### Task item:
Your task is to gather the lines below that hold the string "Aldenvaro".
==== Records shown
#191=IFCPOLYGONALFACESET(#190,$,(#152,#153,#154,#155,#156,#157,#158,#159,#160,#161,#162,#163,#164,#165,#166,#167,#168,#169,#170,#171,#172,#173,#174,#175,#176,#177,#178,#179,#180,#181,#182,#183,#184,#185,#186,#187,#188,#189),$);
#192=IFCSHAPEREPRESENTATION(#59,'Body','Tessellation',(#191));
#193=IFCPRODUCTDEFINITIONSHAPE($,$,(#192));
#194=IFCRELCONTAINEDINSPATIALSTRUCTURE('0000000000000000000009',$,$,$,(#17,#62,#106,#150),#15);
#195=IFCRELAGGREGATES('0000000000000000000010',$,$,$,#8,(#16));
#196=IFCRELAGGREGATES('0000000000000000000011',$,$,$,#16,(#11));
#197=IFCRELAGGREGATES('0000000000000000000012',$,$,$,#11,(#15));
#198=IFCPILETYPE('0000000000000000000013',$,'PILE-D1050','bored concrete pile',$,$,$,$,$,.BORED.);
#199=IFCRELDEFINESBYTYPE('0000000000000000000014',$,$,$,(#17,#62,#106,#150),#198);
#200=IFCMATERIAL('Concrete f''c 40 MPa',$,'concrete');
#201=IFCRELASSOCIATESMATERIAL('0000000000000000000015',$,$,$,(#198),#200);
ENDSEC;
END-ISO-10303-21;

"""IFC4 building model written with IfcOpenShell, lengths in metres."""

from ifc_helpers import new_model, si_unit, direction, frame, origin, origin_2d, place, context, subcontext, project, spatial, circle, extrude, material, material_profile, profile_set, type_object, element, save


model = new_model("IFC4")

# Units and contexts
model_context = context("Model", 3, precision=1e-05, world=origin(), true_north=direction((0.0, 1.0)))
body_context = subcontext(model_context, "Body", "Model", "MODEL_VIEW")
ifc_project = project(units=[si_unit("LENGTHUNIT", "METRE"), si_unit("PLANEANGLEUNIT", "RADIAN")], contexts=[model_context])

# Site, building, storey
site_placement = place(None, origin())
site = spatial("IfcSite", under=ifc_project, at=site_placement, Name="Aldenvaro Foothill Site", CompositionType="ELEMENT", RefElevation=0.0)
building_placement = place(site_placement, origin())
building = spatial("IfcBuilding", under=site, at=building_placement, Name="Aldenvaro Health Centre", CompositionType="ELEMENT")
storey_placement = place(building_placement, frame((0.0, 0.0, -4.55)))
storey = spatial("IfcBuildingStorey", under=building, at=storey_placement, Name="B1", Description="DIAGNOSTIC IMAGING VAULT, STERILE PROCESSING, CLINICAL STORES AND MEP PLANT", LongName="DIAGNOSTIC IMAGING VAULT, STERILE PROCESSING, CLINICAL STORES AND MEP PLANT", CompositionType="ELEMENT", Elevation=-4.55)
========
### Exercise result:
site = spatial("IfcSite", under=ifc_project, at=site_placement, Name="Aldenvaro Foothill Site", CompositionType="ELEMENT", RefElevation=0.0)
building = spatial("IfcBuilding", under=site, at=building_placement, Name="Aldenvaro Health Centre", CompositionType="ELEMENT")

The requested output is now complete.